● What to work on:
Go through the listing below and say how many lines include "IFCSLAB". Give the number by itself.

- - -

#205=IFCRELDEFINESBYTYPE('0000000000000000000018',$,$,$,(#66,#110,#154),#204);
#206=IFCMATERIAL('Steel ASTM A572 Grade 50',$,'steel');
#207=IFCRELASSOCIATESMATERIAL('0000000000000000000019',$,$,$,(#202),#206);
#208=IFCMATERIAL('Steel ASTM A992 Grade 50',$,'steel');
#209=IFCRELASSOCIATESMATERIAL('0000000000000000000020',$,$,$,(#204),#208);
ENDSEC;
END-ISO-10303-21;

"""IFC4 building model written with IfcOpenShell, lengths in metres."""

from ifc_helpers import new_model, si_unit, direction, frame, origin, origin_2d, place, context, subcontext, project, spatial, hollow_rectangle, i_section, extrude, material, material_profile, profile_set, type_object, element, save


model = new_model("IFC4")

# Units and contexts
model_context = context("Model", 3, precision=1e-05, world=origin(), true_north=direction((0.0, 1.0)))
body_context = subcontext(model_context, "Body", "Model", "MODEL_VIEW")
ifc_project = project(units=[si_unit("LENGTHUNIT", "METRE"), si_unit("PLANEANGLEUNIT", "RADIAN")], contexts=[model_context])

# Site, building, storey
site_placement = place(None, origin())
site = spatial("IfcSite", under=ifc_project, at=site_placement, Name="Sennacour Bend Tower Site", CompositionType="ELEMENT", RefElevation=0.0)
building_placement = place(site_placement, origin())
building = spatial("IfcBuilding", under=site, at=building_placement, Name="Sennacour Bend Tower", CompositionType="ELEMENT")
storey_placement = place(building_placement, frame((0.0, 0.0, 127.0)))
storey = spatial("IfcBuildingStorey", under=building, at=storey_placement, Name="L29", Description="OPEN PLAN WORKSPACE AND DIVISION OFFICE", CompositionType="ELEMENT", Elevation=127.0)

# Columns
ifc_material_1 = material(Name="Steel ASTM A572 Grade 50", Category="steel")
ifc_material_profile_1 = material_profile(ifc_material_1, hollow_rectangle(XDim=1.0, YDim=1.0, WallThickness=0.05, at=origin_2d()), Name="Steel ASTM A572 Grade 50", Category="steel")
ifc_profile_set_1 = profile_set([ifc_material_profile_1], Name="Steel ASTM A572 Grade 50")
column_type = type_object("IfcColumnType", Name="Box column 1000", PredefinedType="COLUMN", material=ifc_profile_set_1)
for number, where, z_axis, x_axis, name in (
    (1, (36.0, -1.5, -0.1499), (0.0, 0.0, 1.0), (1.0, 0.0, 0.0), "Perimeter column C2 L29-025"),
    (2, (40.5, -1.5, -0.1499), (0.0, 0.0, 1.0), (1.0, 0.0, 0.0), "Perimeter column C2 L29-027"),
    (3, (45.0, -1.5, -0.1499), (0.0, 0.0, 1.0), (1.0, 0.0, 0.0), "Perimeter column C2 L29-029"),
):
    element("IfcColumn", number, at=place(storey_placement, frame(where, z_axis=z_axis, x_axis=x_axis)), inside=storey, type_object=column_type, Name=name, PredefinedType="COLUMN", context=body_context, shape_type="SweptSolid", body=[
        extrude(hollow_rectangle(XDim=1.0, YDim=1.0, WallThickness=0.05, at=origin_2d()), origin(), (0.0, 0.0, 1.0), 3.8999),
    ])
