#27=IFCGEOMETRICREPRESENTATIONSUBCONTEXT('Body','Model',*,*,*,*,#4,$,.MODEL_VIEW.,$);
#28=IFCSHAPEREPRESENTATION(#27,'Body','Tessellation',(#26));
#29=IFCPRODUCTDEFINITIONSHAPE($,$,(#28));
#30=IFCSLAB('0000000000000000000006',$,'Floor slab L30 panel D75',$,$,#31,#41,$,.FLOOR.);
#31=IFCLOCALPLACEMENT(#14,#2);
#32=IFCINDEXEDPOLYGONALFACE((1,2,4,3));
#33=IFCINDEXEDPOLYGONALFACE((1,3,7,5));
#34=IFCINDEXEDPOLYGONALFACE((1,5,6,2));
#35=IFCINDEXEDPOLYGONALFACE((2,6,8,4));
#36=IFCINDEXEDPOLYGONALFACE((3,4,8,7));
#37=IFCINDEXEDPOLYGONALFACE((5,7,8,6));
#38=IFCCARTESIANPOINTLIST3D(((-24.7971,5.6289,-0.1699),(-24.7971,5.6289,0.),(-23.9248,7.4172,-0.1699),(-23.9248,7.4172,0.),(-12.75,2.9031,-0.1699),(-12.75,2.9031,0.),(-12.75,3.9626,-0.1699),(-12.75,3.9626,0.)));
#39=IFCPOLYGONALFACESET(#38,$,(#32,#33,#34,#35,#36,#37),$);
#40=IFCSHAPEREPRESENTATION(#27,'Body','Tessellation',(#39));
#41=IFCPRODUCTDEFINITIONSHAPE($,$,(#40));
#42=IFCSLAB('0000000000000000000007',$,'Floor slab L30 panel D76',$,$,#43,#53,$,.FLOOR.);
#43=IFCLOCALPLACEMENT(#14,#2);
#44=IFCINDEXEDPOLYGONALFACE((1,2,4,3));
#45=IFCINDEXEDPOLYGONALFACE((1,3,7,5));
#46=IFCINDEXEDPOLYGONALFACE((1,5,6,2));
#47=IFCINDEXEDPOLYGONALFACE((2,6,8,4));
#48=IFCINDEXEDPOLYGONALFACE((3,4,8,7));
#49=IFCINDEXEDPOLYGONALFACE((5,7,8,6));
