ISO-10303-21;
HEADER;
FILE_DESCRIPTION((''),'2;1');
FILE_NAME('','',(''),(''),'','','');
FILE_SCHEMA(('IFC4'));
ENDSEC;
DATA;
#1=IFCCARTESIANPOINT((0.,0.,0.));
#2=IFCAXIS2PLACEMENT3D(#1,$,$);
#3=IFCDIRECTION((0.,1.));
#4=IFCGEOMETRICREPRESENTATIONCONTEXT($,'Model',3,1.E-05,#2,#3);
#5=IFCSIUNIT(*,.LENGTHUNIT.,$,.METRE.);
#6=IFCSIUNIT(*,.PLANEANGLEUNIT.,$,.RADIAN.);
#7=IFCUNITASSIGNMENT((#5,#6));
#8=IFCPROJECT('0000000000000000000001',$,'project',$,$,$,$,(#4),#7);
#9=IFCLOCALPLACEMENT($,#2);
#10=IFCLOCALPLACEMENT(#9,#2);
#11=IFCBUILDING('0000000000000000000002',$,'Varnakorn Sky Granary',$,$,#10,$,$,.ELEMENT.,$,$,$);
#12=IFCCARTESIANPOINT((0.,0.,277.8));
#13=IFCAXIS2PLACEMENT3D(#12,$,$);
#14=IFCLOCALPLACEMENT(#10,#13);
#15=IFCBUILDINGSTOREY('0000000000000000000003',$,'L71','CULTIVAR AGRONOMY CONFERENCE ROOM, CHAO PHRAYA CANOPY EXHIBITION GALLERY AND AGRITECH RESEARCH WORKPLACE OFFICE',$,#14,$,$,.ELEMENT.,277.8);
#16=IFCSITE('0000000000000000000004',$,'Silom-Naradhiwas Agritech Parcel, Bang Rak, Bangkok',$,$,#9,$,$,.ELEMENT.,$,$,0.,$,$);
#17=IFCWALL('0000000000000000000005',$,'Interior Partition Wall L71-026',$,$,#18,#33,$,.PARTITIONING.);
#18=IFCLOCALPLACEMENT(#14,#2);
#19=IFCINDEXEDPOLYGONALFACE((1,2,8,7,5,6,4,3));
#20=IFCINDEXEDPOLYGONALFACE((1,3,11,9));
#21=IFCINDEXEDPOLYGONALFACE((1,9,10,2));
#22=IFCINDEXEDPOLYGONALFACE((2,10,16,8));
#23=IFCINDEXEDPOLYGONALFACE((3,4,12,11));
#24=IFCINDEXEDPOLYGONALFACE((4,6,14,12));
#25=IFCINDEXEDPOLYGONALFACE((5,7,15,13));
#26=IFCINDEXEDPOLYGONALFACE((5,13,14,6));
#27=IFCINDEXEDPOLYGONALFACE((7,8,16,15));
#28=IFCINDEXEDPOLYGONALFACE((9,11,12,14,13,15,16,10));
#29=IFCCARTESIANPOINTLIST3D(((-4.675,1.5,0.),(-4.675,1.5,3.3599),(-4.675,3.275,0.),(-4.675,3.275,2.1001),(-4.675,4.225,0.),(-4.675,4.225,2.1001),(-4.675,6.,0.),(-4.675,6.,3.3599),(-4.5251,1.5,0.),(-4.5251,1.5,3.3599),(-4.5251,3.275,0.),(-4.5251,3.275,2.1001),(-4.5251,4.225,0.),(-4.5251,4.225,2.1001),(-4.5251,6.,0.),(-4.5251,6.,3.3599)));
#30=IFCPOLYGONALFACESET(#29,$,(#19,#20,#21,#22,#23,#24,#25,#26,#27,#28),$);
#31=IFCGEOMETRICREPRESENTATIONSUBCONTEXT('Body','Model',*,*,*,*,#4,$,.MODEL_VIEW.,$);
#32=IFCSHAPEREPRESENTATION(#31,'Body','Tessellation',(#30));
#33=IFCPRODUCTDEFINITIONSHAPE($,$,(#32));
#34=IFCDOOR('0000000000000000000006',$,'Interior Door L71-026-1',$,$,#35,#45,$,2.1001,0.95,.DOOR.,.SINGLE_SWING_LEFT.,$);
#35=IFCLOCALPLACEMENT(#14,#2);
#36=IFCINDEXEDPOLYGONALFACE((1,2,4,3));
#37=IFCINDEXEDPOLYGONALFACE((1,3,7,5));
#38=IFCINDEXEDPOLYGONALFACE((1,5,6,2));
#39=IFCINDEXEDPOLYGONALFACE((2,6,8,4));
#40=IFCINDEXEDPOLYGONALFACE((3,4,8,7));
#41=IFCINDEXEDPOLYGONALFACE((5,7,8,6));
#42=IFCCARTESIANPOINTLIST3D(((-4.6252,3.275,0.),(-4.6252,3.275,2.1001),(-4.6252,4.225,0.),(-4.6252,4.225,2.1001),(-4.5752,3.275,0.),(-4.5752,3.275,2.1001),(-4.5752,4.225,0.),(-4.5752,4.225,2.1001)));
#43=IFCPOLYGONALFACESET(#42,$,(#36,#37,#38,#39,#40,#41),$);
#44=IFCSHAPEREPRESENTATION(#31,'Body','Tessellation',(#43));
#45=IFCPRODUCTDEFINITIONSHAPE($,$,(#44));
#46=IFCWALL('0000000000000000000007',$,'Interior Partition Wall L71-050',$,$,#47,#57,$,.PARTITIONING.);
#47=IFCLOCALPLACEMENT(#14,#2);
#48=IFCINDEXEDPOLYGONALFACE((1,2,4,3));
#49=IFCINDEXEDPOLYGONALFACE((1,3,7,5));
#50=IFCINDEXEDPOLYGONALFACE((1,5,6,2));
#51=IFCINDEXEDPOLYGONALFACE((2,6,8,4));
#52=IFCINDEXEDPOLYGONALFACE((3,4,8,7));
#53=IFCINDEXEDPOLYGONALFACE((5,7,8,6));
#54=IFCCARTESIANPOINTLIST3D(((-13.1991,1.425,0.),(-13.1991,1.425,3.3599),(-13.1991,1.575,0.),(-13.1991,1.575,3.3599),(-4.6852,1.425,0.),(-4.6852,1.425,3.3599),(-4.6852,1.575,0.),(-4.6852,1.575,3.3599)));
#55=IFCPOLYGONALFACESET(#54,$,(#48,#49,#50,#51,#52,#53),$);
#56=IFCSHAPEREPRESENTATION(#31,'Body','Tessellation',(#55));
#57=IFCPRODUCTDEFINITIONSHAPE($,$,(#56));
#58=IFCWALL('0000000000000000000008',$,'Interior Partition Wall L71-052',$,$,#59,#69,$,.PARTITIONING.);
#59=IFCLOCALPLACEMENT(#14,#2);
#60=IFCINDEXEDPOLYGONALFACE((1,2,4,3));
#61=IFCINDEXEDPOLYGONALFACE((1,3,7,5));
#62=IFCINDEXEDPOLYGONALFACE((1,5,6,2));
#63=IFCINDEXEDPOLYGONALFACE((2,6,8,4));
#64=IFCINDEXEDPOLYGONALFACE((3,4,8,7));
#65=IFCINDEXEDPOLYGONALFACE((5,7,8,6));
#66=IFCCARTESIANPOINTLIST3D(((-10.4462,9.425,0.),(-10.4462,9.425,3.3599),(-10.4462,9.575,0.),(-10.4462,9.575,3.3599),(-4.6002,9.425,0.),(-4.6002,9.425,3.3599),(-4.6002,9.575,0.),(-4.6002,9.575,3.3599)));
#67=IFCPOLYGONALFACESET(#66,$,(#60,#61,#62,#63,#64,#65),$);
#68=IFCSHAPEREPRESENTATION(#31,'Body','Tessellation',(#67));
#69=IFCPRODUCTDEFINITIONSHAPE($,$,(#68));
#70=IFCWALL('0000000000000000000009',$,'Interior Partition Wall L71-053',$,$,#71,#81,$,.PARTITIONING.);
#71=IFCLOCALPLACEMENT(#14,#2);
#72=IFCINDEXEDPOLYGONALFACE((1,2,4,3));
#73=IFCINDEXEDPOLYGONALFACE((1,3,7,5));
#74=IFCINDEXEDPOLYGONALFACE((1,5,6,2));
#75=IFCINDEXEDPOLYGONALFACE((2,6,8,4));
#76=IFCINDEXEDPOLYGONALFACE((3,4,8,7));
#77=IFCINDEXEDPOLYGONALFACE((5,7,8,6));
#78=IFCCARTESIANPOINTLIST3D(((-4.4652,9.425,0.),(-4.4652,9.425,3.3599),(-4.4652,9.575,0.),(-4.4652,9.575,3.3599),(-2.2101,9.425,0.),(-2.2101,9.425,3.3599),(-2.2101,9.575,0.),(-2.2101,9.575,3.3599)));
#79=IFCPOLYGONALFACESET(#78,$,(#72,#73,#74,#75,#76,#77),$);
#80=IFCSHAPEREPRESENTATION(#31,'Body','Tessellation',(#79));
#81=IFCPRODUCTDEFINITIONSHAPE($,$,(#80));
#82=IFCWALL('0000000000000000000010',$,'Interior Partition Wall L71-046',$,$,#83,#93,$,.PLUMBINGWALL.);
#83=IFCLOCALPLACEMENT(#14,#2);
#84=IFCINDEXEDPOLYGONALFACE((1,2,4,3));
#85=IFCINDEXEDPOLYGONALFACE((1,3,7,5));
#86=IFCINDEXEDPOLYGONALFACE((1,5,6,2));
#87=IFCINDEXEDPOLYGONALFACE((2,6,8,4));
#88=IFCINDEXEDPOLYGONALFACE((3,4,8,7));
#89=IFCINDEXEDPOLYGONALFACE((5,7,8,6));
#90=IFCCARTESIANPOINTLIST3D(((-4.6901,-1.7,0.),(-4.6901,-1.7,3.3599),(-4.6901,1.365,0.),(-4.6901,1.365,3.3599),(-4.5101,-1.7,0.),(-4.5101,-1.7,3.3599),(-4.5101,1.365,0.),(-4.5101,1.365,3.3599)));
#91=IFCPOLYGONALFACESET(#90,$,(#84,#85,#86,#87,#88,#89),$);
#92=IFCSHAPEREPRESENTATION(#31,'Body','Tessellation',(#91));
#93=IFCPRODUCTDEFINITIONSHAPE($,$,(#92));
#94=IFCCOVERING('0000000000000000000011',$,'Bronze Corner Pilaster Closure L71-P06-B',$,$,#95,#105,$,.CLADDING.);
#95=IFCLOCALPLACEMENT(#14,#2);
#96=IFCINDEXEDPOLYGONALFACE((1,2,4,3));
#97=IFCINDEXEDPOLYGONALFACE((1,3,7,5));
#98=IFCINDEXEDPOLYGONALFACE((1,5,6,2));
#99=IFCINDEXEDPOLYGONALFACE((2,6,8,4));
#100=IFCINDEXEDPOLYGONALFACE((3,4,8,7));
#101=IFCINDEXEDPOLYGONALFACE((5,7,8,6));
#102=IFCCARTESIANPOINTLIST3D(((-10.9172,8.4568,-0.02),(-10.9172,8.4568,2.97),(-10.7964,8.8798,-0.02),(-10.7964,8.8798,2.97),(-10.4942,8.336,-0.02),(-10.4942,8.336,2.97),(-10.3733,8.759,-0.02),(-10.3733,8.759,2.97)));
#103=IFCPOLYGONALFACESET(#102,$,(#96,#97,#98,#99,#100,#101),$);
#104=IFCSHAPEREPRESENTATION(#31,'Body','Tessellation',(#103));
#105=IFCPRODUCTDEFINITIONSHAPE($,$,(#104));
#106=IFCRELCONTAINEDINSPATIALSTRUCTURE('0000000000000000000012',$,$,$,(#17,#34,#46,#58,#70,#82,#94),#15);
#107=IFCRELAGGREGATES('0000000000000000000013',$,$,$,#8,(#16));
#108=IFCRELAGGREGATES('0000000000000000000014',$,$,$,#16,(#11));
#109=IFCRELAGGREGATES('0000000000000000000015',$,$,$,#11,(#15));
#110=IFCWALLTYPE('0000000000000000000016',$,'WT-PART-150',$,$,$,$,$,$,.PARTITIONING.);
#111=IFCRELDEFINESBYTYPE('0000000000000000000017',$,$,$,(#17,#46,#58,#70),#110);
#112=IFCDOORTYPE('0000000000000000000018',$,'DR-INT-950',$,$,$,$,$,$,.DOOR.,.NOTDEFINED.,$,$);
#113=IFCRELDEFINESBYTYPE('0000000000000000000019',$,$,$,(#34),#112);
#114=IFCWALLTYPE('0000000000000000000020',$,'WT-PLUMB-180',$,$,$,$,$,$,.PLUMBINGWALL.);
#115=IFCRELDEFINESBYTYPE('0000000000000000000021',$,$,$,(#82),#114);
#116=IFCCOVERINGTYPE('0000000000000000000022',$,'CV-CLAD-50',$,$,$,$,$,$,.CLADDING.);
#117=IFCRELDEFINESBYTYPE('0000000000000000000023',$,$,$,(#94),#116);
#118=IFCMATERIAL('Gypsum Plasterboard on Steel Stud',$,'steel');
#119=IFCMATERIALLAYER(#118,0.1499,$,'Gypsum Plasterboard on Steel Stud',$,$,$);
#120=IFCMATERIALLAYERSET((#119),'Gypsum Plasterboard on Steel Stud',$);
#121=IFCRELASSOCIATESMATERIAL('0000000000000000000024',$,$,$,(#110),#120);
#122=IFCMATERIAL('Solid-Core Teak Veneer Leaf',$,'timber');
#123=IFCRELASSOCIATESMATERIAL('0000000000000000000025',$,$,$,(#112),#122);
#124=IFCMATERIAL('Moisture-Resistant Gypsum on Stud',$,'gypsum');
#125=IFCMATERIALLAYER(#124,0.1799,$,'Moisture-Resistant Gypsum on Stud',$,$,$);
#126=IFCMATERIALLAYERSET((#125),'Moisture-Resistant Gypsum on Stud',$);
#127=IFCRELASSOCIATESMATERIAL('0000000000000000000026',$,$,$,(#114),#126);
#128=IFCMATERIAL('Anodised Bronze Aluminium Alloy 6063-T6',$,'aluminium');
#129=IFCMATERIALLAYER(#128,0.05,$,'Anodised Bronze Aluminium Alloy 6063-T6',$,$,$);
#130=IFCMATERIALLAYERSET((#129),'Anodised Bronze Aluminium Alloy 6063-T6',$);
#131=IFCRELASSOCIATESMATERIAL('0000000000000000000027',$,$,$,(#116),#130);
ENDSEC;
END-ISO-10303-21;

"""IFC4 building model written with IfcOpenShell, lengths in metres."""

from ifc_helpers import new_model, si_unit, direction, frame, frame_2d, origin, origin_2d, place, context, subcontext, project, spatial, rectangle, extrude, source, transform, mapped, material, layer, layer_set, type_object, type_shapes, element, fill, save


model = new_model("IFC4")

# Units and contexts
model_context = context("Model", 3, precision=1e-05, world=origin(), true_north=direction((0.0, 1.0)))
body_context = subcontext(model_context, "Body", "Model", "MODEL_VIEW")
ifc_project = project(units=[si_unit("LENGTHUNIT", "METRE"), si_unit("PLANEANGLEUNIT", "RADIAN")], contexts=[model_context])

# Site, building, storey
site_placement = place(None, origin())
site = spatial("IfcSite", under=ifc_project, at=site_placement, Name="Silom-Naradhiwas Agritech Parcel, Bang Rak, Bangkok", CompositionType="ELEMENT", RefElevation=0.0)
building_placement = place(site_placement, origin())
building = spatial("IfcBuilding", under=site, at=building_placement, Name="Varnakorn Sky Granary", CompositionType="ELEMENT")
storey_placement = place(building_placement, frame((0.0, 0.0, 277.8)))
storey = spatial("IfcBuildingStorey", under=building, at=storey_placement, Name="L71", Description="CULTIVAR AGRONOMY CONFERENCE ROOM, CHAO PHRAYA CANOPY EXHIBITION GALLERY AND AGRITECH RESEARCH WORKPLACE OFFICE", CompositionType="ELEMENT", Elevation=277.8)

# Shared definitions
ifc_material_1 = material(Name="Anodised Bronze Aluminium Alloy 6063-T6", Category="aluminium")

# Wall, opening, door
ifc_material_2 = material(Name="Gypsum Plasterboard on Steel Stud", Category="steel")
ifc_layer_1 = layer(ifc_material_2, 0.1499, Name="Gypsum Plasterboard on Steel Stud")
ifc_layer_set_1 = layer_set([ifc_layer_1], Name="Gypsum Plasterboard on Steel Stud")
wall_type_1 = type_object("IfcWallType", Name="WT-PART-150", PredefinedType="PARTITIONING", material=ifc_layer_set_1)
wall_1_placement = place(storey_placement, frame((-4.6001, 6.0, 0.0), z_axis=(0.0, 0.0, 1.0), x_axis=(0.0, -1.0, 0.0)))
wall_1 = element("IfcWall", 1, at=wall_1_placement, inside=storey, type_object=wall_type_1, Name="Interior Partition Wall L71-026", PredefinedType="PARTITIONING", context=body_context, shape_type="SweptSolid", body=[
    extrude(rectangle(XDim=4.5, YDim=0.1499, at=frame_2d((2.25, 0.0))), origin(), (0.0, 0.0, 1.0), 3.3599),
])
opening_placement = place(wall_1_placement, frame((1.7749, 0.0, 0.0)))
opening = element("IfcOpeningElement", 2, at=opening_placement, cuts=wall_1, PredefinedType="OPENING", context=body_context, shape_type="SweptSolid", body=[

- - -

● Answer:
2